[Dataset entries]
☆ ☆ ☆
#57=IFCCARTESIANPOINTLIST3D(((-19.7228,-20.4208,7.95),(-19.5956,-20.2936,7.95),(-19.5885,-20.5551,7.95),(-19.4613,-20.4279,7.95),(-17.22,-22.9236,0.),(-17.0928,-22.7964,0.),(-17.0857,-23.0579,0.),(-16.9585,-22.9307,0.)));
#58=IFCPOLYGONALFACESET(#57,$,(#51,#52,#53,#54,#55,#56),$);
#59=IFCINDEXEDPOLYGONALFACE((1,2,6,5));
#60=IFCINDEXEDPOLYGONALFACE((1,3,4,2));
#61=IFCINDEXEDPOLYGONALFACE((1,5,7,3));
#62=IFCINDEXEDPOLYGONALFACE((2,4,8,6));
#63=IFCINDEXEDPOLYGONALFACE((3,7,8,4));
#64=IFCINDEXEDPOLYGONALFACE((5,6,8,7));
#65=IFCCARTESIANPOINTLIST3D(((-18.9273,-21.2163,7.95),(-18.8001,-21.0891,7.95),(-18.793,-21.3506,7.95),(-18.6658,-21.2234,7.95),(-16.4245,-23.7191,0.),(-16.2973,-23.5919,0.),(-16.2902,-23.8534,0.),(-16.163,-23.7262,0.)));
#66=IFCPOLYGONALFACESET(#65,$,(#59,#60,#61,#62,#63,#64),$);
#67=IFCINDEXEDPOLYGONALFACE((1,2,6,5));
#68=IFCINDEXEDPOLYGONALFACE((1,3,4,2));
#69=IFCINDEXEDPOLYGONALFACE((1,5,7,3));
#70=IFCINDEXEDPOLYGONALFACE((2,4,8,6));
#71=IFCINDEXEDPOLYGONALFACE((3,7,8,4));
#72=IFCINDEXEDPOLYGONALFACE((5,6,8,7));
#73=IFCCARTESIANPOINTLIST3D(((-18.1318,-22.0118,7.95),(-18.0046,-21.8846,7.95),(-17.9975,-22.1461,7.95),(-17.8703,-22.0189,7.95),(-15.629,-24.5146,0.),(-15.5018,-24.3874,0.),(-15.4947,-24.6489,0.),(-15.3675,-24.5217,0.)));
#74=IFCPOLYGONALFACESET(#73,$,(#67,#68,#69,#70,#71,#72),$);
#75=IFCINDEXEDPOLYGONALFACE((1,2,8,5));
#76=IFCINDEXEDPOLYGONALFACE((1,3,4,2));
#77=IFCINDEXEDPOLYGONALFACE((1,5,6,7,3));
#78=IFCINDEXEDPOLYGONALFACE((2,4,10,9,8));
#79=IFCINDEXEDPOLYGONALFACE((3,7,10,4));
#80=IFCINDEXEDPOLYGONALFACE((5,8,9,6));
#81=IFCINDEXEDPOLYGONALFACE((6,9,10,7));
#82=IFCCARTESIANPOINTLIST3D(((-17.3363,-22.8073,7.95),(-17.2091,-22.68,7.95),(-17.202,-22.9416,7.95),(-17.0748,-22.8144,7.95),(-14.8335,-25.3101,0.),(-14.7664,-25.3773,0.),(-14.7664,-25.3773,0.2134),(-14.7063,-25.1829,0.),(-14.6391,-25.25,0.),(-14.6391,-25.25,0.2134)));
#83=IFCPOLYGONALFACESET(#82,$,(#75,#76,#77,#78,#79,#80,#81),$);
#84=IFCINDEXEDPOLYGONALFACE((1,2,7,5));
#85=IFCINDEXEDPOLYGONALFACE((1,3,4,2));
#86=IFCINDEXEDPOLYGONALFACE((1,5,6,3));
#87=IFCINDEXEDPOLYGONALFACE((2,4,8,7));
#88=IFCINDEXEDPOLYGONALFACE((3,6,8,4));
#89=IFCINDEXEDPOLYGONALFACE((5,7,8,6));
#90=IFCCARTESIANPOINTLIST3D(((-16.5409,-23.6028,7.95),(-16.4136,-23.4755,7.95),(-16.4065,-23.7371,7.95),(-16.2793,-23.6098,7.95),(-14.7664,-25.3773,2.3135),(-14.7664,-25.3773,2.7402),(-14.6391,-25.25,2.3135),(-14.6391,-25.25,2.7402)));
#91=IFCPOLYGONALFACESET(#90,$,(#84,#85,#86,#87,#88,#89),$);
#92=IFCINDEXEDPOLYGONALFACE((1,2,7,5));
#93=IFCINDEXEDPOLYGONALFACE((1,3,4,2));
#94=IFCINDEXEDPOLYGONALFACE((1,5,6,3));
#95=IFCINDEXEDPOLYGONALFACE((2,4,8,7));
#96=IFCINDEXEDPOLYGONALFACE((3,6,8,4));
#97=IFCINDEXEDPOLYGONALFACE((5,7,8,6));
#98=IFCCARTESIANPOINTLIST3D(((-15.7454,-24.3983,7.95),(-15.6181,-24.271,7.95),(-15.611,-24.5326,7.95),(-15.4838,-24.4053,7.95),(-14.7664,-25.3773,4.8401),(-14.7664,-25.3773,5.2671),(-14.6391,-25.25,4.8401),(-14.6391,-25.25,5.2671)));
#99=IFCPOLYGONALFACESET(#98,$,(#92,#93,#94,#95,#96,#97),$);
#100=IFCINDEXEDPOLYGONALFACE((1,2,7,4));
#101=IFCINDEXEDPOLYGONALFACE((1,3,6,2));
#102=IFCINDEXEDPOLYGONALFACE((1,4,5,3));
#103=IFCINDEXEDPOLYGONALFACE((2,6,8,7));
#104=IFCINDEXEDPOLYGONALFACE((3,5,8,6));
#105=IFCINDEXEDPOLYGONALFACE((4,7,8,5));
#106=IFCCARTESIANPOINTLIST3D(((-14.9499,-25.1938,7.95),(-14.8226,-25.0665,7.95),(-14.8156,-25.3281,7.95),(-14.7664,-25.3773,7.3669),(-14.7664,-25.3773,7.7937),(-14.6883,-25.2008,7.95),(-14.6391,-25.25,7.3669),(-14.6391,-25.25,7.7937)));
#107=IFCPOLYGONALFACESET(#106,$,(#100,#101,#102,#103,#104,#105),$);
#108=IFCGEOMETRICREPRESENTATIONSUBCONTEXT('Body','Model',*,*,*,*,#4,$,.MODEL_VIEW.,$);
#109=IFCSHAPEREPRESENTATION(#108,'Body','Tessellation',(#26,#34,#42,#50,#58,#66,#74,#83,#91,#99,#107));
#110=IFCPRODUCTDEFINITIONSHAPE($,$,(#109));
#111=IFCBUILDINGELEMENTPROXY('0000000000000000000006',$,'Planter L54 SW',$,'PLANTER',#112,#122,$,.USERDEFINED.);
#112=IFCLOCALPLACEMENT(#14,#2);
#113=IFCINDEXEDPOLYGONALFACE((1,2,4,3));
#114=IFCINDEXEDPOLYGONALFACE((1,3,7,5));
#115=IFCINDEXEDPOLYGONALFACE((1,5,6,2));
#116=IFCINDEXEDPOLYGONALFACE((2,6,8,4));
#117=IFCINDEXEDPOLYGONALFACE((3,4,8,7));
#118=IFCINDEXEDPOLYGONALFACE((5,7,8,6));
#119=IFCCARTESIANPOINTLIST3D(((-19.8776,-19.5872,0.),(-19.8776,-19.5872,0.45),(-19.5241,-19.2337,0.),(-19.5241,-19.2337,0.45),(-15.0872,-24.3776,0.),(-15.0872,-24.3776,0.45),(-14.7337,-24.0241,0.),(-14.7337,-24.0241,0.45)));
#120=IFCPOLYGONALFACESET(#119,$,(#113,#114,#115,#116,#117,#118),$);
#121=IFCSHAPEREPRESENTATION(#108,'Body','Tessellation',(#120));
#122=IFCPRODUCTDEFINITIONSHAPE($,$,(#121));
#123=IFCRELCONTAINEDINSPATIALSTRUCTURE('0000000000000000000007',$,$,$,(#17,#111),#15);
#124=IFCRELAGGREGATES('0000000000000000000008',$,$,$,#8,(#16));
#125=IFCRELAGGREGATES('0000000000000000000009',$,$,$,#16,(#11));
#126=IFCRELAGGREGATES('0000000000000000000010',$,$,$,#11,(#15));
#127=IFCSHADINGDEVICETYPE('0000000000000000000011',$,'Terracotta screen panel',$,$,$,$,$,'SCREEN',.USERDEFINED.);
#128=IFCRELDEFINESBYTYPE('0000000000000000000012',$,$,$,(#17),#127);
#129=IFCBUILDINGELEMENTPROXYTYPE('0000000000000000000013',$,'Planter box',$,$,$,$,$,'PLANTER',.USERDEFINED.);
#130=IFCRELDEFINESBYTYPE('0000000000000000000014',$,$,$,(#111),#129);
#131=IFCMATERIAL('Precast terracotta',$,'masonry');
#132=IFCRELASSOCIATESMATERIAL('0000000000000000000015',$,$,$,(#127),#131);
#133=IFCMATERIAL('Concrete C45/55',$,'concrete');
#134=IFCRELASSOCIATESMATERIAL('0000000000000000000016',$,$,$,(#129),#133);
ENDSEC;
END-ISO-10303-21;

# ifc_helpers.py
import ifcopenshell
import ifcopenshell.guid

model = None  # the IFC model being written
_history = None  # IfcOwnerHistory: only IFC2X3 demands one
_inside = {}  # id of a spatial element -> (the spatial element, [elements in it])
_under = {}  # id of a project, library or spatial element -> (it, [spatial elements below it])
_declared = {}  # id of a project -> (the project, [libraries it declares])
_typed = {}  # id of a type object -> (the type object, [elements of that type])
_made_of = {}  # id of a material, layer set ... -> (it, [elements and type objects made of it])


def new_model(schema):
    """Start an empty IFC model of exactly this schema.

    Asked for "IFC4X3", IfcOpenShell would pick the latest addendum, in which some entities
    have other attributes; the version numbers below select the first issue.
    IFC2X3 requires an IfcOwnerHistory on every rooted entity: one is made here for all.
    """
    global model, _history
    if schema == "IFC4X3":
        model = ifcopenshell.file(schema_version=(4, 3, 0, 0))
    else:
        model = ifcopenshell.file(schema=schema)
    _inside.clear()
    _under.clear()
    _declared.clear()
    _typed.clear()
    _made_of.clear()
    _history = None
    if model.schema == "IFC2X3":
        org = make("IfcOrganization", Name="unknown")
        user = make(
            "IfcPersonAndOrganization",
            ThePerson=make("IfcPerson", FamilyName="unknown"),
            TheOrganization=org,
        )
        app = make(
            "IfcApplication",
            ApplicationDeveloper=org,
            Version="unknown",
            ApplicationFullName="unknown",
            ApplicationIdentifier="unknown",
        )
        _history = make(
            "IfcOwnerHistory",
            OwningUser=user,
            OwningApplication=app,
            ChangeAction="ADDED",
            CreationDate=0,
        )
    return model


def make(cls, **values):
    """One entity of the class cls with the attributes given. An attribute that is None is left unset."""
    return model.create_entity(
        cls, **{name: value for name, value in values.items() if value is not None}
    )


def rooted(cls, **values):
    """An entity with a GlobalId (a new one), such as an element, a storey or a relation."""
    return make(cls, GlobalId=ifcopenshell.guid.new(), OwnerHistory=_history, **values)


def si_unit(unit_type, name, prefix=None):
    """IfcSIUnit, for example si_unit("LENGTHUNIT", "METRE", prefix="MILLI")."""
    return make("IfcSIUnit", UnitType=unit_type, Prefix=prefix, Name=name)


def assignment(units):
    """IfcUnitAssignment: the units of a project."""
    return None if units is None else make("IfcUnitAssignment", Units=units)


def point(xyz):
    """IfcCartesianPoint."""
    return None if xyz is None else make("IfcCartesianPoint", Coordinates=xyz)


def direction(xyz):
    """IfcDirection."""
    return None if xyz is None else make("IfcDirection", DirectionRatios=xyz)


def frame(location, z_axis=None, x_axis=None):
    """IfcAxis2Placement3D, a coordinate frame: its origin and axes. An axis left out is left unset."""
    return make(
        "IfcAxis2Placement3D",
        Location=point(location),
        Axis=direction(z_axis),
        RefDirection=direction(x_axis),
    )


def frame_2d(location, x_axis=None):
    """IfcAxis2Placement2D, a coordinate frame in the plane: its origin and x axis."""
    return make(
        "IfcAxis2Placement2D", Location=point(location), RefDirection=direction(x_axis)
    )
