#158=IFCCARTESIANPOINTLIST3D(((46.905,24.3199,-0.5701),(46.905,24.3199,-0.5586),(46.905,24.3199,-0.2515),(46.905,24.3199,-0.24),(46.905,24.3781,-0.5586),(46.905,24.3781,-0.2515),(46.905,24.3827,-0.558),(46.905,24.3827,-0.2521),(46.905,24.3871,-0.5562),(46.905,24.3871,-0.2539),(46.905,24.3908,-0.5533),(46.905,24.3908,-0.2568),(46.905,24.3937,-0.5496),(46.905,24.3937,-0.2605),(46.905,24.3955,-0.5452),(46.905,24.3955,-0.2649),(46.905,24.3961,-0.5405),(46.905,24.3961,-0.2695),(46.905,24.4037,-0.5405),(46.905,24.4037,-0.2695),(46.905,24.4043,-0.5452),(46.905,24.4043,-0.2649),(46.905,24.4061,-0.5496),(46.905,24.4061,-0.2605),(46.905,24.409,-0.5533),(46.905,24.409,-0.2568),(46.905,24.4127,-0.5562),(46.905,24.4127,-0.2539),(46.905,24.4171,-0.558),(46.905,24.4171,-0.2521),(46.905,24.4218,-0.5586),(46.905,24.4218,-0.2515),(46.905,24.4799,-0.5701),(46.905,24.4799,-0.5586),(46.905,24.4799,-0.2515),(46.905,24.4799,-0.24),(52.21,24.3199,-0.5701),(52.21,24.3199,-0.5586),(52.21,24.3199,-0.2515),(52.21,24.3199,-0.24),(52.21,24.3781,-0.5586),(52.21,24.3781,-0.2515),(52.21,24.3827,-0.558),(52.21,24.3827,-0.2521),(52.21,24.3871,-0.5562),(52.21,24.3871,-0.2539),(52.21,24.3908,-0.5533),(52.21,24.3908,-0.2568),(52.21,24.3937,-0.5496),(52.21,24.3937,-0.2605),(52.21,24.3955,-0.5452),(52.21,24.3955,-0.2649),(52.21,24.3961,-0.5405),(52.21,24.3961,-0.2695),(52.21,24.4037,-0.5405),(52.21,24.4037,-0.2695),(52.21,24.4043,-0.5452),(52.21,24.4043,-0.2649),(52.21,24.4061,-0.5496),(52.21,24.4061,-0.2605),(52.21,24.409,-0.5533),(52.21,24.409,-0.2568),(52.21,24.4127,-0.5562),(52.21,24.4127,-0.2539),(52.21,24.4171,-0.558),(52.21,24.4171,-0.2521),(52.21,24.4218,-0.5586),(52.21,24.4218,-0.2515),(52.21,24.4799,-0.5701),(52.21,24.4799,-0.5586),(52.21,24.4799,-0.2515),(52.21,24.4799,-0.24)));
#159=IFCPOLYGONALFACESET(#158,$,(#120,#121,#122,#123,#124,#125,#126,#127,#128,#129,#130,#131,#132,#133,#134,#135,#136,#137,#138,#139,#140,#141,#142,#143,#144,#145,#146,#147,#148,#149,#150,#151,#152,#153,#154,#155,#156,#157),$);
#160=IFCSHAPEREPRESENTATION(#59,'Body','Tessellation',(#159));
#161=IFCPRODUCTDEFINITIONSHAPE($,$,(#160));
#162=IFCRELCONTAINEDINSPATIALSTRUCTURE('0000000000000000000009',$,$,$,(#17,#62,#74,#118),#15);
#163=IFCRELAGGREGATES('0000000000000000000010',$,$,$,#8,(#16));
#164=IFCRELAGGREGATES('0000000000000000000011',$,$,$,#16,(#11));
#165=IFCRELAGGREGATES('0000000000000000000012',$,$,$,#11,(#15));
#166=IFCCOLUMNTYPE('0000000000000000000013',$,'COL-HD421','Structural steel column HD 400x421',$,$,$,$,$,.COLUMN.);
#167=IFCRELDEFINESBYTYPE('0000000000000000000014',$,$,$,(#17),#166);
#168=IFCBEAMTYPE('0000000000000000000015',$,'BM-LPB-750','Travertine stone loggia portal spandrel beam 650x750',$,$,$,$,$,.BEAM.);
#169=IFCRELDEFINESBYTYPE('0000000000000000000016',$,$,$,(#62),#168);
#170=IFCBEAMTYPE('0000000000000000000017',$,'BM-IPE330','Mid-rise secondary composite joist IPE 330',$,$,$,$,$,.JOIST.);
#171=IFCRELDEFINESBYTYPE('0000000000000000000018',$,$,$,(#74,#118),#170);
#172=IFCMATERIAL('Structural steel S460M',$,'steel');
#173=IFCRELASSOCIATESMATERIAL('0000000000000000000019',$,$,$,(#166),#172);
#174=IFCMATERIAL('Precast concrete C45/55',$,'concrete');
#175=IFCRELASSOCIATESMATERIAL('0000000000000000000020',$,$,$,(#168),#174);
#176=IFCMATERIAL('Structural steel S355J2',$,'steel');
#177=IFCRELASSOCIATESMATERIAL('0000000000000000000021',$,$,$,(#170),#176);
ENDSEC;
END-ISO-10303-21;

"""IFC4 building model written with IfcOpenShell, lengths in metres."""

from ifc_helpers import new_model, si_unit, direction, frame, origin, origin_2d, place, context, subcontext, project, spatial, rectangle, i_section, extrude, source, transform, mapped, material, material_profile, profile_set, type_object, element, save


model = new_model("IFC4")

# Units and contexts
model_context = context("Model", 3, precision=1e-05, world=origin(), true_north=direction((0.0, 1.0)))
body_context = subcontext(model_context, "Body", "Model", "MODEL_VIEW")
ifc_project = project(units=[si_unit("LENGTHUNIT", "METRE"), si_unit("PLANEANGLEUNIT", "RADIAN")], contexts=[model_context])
☆ ☆ ☆
WHAT YOU WILL DO — Up to and including the line with "#59=IFCINDEXEDPOLYGONALFACE((1,2,6,5));", write out the records above exactly, starting from their first line.

RESPONSE TO THE EXERCISE —
#57=IFCCARTESIANPOINTLIST3D(((-19.7228,-20.4208,7.95),(-19.5956,-20.2936,7.95),(-19.5885,-20.5551,7.95),(-19.4613,-20.4279,7.95),(-17.22,-22.9236,0.),(-17.0928,-22.7964,0.),(-17.0857,-23.0579,0.),(-16.9585,-22.9307,0.)));
#58=IFCPOLYGONALFACESET(#57,$,(#51,#52,#53,#54,#55,#56),$);
#59=IFCINDEXEDPOLYGONALFACE((1,2,6,5));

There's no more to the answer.